▶ WORK REQUEST
Of the entries below, return exactly those lines that fall between the one containing "#22=IFCINDEXEDPOLYGONALFACE((2,6,8,4));" and the one containing "#49=IFCINDEXEDPOLYGONALFACE((5,7,8,6));", the two end lines included.

▶ EXTRACTED ENTRIES
=-=-=
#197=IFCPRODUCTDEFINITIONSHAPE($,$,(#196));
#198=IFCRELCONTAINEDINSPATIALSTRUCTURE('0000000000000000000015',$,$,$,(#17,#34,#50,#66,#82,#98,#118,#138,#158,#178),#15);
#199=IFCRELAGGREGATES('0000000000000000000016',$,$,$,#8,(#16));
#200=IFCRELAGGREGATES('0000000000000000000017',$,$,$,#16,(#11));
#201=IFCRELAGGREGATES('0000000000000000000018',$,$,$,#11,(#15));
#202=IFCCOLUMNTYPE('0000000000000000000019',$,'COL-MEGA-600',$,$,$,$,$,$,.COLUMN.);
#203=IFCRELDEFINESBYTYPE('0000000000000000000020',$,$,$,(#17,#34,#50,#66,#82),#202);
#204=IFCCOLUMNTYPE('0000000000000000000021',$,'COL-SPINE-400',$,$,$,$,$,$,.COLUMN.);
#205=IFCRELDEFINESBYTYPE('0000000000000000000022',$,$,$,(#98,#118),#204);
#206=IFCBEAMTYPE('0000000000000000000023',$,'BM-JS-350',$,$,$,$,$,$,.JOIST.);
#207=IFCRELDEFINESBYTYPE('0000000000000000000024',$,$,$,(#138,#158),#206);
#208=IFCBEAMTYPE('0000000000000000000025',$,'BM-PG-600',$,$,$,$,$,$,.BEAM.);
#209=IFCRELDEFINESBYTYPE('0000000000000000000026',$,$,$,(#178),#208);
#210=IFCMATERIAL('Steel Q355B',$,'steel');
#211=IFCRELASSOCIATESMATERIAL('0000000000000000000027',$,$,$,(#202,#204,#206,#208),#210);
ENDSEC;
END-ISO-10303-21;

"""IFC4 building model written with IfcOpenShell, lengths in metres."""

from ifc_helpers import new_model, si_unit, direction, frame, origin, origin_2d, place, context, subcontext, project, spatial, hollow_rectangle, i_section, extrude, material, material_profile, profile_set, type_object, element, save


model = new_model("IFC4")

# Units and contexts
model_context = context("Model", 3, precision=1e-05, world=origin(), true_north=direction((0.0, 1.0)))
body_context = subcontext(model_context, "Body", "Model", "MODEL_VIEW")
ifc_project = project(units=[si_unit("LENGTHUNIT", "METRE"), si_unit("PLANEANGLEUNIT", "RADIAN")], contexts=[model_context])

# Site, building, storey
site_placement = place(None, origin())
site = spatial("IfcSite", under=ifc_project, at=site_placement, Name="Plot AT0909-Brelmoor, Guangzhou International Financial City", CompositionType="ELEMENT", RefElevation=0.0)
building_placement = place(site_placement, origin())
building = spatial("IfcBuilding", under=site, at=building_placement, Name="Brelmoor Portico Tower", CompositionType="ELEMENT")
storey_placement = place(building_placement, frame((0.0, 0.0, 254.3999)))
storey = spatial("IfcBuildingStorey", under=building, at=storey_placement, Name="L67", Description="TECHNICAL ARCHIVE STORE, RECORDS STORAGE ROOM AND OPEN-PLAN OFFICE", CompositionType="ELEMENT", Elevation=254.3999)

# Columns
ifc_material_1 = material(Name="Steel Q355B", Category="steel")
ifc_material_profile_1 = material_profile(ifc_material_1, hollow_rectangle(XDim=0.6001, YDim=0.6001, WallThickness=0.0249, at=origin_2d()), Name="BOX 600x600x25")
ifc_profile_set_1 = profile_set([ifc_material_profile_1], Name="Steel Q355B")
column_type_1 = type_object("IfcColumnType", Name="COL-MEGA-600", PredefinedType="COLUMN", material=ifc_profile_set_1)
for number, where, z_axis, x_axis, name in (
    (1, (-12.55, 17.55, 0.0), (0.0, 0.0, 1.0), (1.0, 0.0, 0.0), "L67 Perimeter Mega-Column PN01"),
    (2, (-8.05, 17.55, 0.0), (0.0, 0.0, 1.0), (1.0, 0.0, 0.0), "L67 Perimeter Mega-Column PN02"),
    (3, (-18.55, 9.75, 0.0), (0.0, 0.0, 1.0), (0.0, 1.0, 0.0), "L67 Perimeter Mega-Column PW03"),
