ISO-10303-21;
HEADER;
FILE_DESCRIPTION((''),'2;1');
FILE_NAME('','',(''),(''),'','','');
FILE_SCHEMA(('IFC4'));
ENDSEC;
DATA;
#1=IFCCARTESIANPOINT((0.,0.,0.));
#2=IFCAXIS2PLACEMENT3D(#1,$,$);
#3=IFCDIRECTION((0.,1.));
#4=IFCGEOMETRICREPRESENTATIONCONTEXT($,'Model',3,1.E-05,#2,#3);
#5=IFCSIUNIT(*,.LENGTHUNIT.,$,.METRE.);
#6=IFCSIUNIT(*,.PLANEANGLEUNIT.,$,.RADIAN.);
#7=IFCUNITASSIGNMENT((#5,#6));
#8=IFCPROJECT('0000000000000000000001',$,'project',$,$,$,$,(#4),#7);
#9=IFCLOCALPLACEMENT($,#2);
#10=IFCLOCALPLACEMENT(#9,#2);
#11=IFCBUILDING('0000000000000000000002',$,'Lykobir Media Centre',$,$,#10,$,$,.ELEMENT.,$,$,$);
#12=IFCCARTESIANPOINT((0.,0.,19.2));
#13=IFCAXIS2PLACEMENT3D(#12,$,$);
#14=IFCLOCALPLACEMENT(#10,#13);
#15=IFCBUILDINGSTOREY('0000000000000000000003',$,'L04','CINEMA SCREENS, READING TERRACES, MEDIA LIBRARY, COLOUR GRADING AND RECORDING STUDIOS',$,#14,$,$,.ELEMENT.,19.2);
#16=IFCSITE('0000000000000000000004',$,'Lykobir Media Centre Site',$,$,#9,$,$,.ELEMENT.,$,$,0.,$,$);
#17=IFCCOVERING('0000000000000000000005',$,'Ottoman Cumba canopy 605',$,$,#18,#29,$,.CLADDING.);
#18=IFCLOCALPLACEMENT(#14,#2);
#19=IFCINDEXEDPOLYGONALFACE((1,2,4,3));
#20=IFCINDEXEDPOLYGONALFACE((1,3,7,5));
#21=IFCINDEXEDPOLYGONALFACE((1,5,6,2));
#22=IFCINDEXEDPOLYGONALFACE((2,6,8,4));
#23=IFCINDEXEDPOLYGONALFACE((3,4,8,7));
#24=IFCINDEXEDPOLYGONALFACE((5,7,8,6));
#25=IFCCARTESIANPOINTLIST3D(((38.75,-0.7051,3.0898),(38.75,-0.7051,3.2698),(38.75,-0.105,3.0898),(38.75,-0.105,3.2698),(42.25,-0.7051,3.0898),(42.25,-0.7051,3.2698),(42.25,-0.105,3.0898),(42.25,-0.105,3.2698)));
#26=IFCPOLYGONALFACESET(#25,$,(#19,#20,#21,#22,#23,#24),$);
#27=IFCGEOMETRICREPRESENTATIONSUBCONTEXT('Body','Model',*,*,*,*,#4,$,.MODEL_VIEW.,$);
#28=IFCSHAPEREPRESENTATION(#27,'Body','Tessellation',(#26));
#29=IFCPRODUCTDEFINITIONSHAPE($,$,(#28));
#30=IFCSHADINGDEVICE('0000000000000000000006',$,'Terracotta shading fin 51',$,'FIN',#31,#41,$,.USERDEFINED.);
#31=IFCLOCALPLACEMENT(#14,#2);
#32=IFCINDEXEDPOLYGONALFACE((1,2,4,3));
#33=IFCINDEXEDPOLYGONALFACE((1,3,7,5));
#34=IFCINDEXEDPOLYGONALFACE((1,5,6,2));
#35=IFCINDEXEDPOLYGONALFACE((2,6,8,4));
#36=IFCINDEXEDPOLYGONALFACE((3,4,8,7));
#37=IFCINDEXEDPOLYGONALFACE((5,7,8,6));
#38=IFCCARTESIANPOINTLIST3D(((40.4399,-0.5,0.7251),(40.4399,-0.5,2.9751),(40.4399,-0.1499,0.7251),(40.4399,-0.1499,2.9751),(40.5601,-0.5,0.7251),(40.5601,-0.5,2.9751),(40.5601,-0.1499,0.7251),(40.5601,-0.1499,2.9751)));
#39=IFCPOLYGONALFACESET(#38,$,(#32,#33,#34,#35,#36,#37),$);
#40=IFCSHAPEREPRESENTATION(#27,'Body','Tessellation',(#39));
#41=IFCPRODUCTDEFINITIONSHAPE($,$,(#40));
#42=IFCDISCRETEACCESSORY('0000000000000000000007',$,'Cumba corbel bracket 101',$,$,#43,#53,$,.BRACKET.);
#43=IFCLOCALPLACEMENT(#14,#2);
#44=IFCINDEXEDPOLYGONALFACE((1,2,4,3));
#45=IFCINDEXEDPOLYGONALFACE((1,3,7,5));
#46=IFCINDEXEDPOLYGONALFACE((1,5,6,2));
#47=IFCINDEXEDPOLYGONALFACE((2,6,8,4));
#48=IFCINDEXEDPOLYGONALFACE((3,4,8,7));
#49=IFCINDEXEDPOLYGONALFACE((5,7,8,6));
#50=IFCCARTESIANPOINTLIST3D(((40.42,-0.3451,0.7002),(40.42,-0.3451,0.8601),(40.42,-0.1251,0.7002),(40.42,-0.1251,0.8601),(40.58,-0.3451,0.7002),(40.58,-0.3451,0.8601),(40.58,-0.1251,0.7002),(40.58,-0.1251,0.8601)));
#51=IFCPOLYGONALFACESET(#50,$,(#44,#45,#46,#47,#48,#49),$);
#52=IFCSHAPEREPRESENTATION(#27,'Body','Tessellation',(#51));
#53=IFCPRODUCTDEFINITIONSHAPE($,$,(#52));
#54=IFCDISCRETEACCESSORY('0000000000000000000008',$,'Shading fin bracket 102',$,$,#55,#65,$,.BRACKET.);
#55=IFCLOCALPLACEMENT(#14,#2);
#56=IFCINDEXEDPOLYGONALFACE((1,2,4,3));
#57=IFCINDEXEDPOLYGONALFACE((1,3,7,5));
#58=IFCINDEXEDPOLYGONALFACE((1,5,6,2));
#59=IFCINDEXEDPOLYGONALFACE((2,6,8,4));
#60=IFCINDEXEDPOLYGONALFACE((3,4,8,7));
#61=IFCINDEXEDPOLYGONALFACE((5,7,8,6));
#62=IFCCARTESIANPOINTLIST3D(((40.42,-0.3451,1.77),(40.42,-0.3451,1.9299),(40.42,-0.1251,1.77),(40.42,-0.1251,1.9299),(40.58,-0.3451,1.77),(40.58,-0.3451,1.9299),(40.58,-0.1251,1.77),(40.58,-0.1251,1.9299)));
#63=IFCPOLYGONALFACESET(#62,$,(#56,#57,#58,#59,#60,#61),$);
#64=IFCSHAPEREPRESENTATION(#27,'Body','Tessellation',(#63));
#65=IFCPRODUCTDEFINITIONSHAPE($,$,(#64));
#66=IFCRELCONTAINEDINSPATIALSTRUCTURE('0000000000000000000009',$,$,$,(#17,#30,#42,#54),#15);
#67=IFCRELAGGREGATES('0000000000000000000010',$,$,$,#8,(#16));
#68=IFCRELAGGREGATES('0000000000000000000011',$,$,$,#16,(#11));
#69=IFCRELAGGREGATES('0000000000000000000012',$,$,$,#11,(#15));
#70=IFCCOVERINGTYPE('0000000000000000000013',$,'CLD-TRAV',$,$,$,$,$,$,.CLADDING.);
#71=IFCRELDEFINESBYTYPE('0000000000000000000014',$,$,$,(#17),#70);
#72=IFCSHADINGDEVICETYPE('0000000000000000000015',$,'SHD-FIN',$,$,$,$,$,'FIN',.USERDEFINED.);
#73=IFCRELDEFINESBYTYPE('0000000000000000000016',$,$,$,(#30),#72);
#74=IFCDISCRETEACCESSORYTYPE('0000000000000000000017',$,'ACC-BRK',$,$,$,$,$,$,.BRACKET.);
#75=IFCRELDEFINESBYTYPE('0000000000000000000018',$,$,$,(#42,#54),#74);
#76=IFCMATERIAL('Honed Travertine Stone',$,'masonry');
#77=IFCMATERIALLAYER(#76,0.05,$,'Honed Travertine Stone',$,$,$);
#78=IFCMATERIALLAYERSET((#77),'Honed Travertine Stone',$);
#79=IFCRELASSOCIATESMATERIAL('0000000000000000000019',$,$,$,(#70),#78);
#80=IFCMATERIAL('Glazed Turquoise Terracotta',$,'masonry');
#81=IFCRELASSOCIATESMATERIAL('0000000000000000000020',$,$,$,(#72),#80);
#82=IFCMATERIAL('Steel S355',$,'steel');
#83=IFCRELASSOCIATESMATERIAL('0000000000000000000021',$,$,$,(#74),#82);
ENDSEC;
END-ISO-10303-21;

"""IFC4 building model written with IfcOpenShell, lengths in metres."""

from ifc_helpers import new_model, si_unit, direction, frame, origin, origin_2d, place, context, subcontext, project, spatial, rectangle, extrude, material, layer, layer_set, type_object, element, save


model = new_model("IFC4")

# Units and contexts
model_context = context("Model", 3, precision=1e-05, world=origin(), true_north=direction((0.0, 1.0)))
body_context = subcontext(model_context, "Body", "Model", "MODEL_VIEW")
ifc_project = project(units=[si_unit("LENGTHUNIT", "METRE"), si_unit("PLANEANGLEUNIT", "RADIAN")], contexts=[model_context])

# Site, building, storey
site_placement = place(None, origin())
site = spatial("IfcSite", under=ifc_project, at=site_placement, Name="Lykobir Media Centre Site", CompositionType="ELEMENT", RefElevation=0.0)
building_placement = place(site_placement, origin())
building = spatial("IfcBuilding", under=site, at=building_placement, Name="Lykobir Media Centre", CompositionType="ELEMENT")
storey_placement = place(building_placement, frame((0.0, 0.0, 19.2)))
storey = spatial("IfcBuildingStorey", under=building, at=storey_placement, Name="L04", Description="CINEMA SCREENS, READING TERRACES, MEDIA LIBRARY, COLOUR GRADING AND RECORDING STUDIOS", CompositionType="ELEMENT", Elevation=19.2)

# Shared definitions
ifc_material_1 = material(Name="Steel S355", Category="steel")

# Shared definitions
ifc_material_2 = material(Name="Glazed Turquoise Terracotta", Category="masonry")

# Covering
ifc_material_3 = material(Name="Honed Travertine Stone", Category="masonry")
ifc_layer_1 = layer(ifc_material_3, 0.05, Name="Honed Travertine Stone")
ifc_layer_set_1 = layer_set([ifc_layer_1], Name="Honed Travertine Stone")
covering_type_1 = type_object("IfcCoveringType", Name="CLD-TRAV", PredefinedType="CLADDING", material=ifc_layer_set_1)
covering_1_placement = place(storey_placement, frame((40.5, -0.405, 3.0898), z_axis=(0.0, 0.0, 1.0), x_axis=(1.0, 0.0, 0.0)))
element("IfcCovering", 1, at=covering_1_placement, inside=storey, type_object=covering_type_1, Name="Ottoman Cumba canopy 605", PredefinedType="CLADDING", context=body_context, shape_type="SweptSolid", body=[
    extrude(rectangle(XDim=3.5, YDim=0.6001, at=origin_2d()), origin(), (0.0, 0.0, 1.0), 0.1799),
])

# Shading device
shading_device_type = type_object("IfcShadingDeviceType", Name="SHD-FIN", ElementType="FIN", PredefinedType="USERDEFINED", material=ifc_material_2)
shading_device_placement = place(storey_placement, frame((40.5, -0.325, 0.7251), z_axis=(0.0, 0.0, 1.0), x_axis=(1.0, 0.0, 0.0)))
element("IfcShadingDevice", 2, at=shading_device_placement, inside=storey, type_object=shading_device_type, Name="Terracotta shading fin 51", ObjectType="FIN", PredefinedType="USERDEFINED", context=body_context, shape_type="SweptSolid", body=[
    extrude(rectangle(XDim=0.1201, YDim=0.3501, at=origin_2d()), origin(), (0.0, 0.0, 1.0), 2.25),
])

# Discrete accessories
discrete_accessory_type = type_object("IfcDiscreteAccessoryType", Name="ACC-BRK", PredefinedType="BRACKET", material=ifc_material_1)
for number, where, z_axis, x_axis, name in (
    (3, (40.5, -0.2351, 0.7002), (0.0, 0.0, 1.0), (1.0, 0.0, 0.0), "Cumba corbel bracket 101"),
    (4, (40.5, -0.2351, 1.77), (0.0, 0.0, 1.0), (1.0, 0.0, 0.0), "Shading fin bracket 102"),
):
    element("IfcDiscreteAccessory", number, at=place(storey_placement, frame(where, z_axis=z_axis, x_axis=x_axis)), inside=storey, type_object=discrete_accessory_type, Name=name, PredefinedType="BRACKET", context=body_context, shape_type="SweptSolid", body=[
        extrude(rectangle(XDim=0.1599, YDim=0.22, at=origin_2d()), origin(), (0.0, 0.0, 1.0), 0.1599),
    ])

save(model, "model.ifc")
=-=-=
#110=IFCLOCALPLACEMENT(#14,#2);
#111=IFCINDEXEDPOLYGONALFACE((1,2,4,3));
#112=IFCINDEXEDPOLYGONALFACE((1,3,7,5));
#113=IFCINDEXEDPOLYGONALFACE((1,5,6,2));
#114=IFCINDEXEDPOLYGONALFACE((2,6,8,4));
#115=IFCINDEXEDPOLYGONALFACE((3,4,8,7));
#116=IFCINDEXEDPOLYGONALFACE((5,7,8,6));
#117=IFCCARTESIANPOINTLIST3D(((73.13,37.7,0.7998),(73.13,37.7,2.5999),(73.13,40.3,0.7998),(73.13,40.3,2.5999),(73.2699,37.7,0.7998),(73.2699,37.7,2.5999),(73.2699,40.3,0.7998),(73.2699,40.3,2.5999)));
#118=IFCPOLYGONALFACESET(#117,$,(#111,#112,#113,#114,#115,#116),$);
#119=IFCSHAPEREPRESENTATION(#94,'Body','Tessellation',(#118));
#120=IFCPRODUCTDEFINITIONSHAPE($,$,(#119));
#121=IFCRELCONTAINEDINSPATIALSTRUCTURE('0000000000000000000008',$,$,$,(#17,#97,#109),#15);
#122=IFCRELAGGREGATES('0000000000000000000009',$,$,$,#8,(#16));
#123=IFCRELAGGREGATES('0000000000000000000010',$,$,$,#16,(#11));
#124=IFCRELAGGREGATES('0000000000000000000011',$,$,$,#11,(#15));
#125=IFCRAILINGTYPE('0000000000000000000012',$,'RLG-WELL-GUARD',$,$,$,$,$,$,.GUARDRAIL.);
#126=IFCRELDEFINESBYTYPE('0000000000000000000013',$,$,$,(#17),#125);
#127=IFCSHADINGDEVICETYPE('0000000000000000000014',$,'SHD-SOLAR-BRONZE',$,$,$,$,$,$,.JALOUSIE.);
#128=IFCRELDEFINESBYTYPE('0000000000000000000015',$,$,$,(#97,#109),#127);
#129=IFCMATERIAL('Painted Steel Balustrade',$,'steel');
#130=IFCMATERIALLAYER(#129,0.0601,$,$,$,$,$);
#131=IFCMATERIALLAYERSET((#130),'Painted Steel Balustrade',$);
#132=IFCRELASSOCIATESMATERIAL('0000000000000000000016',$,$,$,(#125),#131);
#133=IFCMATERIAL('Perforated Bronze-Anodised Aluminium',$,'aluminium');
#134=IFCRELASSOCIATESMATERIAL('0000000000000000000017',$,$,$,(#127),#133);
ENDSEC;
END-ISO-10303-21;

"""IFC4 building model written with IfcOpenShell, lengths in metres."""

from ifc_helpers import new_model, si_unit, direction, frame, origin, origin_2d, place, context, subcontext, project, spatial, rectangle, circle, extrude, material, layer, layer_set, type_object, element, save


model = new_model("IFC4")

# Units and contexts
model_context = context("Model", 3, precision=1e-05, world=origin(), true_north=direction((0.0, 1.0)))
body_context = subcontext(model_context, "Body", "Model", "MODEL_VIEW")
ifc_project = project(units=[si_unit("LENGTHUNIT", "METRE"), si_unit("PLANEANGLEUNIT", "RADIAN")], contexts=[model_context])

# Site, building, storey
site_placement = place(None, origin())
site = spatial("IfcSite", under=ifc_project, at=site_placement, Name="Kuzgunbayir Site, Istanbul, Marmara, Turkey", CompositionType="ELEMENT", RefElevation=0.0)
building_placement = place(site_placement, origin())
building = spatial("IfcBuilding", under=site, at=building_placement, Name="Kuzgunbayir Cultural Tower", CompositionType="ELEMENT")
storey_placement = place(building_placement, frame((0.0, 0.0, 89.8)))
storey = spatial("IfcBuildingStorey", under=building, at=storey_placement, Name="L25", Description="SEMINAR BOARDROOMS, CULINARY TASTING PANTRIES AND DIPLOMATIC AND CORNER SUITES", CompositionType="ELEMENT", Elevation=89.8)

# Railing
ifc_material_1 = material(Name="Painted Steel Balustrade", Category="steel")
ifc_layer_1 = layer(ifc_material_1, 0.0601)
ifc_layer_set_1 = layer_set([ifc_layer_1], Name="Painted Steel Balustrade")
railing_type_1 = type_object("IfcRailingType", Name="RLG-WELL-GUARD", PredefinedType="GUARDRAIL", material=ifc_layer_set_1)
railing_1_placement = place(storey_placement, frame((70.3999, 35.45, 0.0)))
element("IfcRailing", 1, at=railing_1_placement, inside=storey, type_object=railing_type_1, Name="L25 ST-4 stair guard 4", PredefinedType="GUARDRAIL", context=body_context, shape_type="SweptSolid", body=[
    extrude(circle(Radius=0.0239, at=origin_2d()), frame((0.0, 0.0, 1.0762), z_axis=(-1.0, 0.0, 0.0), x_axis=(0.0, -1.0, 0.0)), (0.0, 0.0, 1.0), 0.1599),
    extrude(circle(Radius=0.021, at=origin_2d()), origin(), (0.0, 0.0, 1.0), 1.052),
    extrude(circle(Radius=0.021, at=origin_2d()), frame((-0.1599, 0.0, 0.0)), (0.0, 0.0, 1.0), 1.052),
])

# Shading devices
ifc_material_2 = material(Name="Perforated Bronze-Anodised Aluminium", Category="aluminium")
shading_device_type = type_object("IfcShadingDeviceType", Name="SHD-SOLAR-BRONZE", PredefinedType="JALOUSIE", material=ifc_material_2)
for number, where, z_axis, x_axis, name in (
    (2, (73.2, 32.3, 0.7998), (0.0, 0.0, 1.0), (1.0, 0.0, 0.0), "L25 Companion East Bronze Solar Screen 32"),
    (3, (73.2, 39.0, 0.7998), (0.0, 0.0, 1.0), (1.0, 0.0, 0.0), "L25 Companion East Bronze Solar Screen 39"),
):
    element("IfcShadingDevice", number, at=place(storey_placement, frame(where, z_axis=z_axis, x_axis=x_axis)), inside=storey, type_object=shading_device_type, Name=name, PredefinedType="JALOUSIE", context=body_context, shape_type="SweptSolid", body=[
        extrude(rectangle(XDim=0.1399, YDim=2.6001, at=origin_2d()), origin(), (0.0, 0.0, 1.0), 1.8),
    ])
=-=-=
▶ TASK SOLUTION
#22=IFCINDEXEDPOLYGONALFACE((2,6,8,4));
#23=IFCINDEXEDPOLYGONALFACE((3,4,8,7));
#24=IFCINDEXEDPOLYGONALFACE((5,7,8,6));
#25=IFCCARTESIANPOINTLIST3D(((38.75,-0.7051,3.0898),(38.75,-0.7051,3.2698),(38.75,-0.105,3.0898),(38.75,-0.105,3.2698),(42.25,-0.7051,3.0898),(42.25,-0.7051,3.2698),(42.25,-0.105,3.0898),(42.25,-0.105,3.2698)));
#26=IFCPOLYGONALFACESET(#25,$,(#19,#20,#21,#22,#23,#24),$);
#27=IFCGEOMETRICREPRESENTATIONSUBCONTEXT('Body','Model',*,*,*,*,#4,$,.MODEL_VIEW.,$);
#28=IFCSHAPEREPRESENTATION(#27,'Body','Tessellation',(#26));
#29=IFCPRODUCTDEFINITIONSHAPE($,$,(#28));
#30=IFCSHADINGDEVICE('0000000000000000000006',$,'Terracotta shading fin 51',$,'FIN',#31,#41,$,.USERDEFINED.);
#31=IFCLOCALPLACEMENT(#14,#2);
#32=IFCINDEXEDPOLYGONALFACE((1,2,4,3));
#33=IFCINDEXEDPOLYGONALFACE((1,3,7,5));
#34=IFCINDEXEDPOLYGONALFACE((1,5,6,2));
#35=IFCINDEXEDPOLYGONALFACE((2,6,8,4));
#36=IFCINDEXEDPOLYGONALFACE((3,4,8,7));
#37=IFCINDEXEDPOLYGONALFACE((5,7,8,6));
#38=IFCCARTESIANPOINTLIST3D(((40.4399,-0.5,0.7251),(40.4399,-0.5,2.9751),(40.4399,-0.1499,0.7251),(40.4399,-0.1499,2.9751),(40.5601,-0.5,0.7251),(40.5601,-0.5,2.9751),(40.5601,-0.1499,0.7251),(40.5601,-0.1499,2.9751)));
#39=IFCPOLYGONALFACESET(#38,$,(#32,#33,#34,#35,#36,#37),$);
#40=IFCSHAPEREPRESENTATION(#27,'Body','Tessellation',(#39));
#41=IFCPRODUCTDEFINITIONSHAPE($,$,(#40));
#42=IFCDISCRETEACCESSORY('0000000000000000000007',$,'Cumba corbel bracket 101',$,$,#43,#53,$,.BRACKET.);
#43=IFCLOCALPLACEMENT(#14,#2);
#44=IFCINDEXEDPOLYGONALFACE((1,2,4,3));
#45=IFCINDEXEDPOLYGONALFACE((1,3,7,5));
#46=IFCINDEXEDPOLYGONALFACE((1,5,6,2));
#47=IFCINDEXEDPOLYGONALFACE((2,6,8,4));
#48=IFCINDEXEDPOLYGONALFACE((3,4,8,7));
#49=IFCINDEXEDPOLYGONALFACE((5,7,8,6));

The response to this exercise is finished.